## Exercise instructions
Pick out every line of the entries below where "transform" occurs, and copy those lines.

Collected data
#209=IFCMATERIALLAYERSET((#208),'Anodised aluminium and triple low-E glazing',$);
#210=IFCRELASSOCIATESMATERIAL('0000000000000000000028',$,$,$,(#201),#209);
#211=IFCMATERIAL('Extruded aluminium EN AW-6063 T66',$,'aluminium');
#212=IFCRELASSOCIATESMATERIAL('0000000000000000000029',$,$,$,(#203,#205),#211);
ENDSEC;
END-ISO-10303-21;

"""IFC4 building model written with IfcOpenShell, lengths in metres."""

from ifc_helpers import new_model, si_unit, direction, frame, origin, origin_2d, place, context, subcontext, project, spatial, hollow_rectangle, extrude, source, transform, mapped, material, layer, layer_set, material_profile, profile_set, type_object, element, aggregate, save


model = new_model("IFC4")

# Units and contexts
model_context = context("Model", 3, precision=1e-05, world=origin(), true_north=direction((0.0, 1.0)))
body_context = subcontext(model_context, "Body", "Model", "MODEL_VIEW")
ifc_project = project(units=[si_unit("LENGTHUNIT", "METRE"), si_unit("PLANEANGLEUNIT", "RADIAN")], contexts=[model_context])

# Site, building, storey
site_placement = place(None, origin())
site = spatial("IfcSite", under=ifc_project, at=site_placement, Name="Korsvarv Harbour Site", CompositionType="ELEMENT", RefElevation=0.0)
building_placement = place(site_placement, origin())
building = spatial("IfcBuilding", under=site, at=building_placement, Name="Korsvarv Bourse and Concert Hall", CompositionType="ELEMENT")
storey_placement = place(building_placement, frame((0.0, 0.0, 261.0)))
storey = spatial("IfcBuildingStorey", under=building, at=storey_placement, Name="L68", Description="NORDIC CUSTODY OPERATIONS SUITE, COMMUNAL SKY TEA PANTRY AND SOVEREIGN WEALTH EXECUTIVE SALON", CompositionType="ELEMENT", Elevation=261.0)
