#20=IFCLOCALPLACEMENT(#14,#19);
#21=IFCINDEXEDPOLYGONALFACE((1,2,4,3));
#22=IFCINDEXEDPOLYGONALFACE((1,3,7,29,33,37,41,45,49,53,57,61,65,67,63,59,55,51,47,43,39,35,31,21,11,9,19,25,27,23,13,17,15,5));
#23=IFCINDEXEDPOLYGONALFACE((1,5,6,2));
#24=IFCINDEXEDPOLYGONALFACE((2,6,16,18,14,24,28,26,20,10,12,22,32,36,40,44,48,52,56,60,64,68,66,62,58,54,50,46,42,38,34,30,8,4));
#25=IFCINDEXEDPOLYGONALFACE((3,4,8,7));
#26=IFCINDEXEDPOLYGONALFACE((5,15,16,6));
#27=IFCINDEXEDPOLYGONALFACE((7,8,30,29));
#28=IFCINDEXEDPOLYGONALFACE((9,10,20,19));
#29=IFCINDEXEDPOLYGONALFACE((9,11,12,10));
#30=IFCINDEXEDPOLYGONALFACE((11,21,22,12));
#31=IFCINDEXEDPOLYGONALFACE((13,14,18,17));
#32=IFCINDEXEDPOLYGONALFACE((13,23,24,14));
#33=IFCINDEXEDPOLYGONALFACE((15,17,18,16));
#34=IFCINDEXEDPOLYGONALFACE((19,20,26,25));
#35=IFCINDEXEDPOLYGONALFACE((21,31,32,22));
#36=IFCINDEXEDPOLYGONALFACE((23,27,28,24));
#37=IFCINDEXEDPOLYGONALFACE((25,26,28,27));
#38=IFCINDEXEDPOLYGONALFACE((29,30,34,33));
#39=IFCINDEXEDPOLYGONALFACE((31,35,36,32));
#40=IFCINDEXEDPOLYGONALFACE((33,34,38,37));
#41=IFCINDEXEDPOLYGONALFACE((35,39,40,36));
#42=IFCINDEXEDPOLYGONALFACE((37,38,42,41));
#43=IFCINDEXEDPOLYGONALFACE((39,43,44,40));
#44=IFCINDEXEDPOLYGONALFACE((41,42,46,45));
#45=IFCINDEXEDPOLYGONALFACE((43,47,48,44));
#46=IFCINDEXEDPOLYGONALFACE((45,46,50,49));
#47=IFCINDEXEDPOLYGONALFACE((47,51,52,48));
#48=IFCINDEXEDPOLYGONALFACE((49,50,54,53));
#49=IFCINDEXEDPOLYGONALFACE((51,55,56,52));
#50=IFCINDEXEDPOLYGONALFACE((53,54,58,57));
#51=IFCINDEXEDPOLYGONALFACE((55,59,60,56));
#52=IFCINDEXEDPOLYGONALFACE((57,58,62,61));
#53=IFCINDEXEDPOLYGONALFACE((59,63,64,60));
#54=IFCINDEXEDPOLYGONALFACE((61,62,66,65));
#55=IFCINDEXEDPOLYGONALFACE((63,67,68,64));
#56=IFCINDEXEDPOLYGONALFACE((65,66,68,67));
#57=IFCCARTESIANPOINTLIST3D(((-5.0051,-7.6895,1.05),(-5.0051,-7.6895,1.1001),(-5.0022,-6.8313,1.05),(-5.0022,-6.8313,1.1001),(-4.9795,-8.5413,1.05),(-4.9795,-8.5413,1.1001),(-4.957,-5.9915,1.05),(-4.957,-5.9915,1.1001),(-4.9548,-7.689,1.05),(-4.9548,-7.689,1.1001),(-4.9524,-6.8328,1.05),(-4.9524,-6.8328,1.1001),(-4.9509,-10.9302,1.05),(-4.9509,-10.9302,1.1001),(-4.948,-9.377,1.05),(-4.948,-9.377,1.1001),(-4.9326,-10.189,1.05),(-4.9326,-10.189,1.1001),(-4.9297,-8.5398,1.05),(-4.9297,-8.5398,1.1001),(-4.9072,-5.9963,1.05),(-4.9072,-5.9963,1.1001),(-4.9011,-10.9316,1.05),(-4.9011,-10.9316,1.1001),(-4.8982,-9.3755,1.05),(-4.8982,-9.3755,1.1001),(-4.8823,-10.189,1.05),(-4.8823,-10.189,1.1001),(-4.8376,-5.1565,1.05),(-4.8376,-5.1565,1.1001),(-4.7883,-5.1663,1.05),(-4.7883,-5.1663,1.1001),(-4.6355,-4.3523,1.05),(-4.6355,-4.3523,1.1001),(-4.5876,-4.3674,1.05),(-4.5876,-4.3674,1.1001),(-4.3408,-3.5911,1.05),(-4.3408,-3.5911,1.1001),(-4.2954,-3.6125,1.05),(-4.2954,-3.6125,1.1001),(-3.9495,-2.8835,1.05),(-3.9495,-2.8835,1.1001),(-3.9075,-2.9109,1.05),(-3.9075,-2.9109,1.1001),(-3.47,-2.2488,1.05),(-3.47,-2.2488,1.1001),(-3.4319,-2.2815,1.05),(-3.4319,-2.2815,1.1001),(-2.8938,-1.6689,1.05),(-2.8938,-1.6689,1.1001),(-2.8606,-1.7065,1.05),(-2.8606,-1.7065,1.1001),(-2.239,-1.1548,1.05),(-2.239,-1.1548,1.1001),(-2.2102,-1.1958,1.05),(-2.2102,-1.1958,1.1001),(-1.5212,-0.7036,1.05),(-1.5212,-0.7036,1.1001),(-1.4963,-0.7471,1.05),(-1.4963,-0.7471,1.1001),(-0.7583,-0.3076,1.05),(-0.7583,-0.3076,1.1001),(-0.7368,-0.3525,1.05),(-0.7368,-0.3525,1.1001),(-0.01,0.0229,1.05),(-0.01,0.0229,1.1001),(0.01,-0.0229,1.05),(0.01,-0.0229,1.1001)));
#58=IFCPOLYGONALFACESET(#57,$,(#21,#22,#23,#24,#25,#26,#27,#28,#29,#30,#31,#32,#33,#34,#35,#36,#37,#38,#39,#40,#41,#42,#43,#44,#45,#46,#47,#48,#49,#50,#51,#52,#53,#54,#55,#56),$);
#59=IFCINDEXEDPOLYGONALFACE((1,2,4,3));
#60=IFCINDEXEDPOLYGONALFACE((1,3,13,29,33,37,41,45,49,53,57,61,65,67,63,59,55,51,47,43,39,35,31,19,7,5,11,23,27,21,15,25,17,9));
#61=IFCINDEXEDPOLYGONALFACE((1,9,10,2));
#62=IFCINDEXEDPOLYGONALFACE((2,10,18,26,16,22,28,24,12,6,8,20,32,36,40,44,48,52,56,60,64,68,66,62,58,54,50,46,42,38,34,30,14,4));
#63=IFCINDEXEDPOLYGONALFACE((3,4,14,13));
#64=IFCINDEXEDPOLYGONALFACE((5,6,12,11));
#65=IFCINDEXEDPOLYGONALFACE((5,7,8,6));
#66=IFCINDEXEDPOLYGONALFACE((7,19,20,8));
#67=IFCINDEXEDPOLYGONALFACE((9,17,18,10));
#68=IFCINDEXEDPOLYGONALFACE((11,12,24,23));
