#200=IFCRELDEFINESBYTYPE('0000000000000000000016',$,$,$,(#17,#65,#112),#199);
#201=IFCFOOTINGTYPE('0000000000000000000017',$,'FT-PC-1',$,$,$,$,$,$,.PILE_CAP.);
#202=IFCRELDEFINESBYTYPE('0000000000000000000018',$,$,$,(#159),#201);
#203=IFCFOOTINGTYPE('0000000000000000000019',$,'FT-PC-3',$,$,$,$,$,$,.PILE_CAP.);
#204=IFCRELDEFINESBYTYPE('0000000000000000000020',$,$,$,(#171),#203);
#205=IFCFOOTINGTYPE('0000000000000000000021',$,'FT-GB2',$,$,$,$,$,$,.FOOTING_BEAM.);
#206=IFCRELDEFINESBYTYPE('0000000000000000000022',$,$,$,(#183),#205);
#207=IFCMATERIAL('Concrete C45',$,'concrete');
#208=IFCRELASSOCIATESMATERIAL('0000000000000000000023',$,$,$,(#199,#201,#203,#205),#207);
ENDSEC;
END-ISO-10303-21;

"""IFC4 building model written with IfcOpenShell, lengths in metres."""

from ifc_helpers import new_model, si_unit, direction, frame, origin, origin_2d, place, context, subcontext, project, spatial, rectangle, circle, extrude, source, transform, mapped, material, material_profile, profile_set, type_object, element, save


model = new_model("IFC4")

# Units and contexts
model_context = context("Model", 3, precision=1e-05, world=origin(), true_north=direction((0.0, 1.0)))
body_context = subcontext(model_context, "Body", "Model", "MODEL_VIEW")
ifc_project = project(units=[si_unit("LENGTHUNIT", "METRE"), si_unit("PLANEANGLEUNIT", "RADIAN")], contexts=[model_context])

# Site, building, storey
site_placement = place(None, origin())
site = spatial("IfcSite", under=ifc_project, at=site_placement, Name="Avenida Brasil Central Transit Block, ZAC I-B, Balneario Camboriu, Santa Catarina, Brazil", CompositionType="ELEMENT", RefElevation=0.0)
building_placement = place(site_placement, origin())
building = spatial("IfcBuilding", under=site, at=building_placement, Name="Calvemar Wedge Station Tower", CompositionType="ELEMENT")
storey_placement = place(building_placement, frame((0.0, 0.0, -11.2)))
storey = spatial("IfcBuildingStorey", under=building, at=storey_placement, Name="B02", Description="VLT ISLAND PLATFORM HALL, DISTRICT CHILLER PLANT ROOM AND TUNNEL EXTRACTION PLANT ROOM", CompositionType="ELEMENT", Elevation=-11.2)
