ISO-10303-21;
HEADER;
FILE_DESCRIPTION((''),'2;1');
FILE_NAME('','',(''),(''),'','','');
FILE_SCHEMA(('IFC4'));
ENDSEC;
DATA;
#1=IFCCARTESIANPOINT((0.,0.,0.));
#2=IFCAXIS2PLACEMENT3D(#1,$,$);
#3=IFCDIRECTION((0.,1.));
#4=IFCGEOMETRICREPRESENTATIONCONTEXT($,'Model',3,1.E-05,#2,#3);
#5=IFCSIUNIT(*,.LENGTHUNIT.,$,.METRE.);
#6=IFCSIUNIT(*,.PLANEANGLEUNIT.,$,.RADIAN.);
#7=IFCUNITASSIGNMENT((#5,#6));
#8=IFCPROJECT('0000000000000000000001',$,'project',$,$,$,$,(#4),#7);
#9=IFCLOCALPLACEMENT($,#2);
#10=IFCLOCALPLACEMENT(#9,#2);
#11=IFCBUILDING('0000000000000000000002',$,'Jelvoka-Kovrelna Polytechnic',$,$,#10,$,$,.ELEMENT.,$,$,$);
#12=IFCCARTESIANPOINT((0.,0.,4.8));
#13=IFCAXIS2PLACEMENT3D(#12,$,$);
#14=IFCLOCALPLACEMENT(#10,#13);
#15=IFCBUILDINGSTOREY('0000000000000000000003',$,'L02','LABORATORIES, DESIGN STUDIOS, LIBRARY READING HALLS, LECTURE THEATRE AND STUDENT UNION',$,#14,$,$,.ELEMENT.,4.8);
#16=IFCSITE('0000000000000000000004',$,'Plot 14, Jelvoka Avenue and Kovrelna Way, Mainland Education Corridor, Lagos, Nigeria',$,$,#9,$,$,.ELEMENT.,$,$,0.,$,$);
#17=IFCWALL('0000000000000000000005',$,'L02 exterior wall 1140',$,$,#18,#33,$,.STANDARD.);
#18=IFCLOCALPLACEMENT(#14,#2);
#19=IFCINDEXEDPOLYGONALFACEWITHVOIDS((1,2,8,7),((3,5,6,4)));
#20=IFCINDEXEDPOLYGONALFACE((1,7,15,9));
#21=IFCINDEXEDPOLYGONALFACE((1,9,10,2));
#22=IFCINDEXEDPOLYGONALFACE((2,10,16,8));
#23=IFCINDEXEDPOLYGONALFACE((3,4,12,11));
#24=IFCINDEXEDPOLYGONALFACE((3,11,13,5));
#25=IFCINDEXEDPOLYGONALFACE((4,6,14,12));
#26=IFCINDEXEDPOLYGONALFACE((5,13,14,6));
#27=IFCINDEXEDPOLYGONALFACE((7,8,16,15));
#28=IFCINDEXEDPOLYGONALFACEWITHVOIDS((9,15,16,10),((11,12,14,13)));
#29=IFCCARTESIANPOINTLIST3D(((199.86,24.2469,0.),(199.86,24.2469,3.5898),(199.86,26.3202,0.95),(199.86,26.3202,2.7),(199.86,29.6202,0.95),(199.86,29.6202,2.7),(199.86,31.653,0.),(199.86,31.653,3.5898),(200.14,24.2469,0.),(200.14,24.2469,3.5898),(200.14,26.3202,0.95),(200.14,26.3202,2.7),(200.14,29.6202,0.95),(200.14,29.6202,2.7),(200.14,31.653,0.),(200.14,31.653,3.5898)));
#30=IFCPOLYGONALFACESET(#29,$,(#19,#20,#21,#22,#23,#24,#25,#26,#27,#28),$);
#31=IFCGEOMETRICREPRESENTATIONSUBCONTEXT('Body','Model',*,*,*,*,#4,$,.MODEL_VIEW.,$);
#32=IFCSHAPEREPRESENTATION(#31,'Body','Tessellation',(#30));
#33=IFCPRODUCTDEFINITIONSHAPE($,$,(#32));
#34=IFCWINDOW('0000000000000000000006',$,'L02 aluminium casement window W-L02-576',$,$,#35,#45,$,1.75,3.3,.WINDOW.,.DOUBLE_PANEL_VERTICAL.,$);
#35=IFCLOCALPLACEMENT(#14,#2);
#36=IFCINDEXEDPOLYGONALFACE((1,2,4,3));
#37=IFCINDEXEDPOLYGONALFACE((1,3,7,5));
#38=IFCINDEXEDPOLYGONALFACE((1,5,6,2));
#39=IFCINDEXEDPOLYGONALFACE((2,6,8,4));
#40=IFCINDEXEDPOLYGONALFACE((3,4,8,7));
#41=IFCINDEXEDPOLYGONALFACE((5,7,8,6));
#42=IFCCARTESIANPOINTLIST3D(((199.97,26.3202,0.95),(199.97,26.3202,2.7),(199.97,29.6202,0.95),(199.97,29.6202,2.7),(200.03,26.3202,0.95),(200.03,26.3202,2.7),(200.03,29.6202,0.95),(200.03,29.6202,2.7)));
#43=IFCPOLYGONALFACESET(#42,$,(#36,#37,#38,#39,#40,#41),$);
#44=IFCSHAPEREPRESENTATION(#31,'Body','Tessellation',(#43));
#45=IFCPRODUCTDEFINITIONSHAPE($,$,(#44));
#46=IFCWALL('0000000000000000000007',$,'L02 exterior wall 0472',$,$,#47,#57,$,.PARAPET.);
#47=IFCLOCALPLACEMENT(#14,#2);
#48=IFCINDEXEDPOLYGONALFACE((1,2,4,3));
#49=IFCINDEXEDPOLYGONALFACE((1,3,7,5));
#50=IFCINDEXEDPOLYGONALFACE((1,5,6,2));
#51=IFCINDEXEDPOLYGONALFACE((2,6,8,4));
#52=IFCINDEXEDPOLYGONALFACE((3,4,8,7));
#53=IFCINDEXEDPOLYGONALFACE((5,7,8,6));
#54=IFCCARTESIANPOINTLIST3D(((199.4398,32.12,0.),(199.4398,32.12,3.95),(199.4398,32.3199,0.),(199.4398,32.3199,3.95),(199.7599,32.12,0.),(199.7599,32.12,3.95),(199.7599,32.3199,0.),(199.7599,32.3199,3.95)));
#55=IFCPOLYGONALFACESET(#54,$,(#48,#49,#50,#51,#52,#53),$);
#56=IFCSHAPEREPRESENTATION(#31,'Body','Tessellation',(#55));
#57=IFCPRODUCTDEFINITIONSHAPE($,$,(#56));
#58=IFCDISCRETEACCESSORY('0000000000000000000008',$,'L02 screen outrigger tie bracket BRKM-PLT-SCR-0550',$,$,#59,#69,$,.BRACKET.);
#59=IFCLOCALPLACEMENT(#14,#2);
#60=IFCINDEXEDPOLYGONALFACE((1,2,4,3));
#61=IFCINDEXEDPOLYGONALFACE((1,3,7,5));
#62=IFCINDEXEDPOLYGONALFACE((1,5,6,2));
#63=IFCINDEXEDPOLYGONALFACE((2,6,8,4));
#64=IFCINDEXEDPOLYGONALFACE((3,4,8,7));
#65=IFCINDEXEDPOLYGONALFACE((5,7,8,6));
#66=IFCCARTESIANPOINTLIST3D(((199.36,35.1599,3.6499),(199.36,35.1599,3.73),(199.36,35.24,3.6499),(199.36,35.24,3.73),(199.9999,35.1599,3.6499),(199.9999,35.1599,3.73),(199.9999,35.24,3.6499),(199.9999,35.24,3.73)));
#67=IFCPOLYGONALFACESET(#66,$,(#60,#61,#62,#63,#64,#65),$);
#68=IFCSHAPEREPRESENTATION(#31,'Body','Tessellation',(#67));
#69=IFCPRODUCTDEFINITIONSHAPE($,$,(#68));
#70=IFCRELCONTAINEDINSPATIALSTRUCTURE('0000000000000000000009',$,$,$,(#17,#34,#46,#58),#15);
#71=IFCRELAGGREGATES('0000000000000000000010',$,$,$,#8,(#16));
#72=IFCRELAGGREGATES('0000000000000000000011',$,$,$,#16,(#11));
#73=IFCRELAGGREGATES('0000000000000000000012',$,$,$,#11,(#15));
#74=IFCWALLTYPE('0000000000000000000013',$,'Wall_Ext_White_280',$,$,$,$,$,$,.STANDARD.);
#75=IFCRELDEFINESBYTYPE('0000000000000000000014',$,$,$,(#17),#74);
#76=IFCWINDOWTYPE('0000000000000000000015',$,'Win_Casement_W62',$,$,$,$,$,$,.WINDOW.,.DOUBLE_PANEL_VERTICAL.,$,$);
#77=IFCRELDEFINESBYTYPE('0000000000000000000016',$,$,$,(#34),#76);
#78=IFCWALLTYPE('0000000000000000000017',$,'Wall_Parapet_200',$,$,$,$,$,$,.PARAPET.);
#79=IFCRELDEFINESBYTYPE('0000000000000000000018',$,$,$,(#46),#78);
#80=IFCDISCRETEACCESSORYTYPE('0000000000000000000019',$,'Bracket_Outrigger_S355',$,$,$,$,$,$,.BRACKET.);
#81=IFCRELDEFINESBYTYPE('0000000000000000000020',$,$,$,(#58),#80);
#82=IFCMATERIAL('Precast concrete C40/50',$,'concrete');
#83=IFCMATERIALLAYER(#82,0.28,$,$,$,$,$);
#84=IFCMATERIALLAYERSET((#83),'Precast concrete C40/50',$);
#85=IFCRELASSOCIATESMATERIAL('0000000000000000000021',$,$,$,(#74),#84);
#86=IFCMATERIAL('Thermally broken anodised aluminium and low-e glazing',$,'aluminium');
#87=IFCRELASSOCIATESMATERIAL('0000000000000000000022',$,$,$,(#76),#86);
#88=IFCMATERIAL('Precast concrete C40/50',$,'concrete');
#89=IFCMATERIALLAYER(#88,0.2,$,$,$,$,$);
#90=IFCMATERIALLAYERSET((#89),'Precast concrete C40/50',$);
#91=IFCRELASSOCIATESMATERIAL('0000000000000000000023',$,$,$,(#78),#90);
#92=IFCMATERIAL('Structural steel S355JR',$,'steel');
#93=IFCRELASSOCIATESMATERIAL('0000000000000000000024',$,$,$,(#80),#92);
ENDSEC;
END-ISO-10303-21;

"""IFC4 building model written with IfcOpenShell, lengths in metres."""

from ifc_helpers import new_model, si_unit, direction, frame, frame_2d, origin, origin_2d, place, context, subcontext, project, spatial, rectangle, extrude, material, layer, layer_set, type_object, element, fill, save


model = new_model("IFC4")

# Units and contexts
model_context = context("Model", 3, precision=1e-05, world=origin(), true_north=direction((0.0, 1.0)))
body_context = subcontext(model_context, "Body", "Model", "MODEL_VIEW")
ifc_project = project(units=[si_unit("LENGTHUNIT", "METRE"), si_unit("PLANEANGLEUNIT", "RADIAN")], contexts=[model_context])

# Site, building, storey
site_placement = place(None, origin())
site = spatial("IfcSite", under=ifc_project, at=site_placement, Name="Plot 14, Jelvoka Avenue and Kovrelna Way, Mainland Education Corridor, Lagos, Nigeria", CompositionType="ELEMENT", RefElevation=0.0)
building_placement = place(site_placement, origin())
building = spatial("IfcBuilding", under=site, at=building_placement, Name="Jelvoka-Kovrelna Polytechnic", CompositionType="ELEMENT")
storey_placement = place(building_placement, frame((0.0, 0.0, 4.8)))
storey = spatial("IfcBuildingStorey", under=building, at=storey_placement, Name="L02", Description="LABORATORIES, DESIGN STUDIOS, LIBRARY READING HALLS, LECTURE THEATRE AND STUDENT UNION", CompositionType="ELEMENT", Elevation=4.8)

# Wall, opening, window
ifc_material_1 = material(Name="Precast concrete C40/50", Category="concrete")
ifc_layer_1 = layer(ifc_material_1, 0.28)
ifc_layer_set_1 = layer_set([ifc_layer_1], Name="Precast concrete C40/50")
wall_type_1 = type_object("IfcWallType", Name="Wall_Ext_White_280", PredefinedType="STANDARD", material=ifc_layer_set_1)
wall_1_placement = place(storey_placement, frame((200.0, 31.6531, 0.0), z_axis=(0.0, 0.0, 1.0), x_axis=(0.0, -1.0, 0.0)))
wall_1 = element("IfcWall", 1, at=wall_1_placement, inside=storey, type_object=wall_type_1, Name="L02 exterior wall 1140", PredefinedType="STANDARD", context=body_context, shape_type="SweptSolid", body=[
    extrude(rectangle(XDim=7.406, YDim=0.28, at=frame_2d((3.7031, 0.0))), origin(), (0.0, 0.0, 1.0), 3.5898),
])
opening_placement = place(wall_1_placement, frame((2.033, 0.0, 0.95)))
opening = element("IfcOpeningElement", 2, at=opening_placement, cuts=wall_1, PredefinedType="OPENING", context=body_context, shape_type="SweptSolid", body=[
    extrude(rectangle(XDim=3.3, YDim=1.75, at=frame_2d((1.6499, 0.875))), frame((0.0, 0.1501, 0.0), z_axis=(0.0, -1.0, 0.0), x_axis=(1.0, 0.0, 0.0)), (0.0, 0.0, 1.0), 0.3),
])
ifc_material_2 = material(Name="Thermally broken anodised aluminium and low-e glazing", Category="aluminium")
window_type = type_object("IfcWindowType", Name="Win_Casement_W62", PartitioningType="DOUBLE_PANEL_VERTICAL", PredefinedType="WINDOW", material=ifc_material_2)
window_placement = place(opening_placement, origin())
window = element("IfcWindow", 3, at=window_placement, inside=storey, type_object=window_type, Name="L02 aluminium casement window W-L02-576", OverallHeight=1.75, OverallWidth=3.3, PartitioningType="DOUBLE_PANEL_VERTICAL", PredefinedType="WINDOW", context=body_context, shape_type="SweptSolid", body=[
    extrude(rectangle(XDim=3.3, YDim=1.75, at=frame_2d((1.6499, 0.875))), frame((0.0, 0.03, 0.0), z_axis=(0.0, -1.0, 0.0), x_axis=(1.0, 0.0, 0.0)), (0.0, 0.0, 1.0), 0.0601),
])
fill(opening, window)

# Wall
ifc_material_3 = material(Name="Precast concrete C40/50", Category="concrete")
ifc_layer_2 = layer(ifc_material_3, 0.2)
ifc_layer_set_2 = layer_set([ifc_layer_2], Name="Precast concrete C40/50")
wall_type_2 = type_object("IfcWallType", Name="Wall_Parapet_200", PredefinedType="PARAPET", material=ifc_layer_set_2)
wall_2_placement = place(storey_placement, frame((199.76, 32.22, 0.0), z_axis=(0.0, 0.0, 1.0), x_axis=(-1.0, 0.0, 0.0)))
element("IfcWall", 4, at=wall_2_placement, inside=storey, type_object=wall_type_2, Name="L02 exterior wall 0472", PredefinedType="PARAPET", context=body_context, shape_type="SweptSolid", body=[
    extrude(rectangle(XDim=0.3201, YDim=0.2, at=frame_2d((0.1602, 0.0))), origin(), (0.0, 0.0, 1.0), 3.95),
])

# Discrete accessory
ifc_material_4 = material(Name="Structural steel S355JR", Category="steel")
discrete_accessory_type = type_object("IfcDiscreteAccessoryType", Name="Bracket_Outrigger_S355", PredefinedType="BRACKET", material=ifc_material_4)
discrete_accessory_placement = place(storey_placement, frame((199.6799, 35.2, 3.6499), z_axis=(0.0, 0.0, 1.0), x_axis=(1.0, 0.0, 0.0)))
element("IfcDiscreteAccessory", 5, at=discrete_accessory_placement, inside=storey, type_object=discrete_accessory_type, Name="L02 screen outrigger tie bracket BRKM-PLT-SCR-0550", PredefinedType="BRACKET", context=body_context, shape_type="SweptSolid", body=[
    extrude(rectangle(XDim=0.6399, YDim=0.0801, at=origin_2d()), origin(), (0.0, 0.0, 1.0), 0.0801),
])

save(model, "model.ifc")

## Output of the task
from ifc_helpers import new_model, si_unit, direction, frame, origin, origin_2d, place, context, subcontext, project, spatial, hollow_rectangle, extrude, source, transform, mapped, material, layer, layer_set, material_profile, profile_set, type_object, element, aggregate, save
from ifc_helpers import new_model, si_unit, direction, frame, origin, origin_2d, place, context, subcontext, project, spatial, rectangle, circle, extrude, source, transform, mapped, material, material_profile, profile_set, type_object, element, save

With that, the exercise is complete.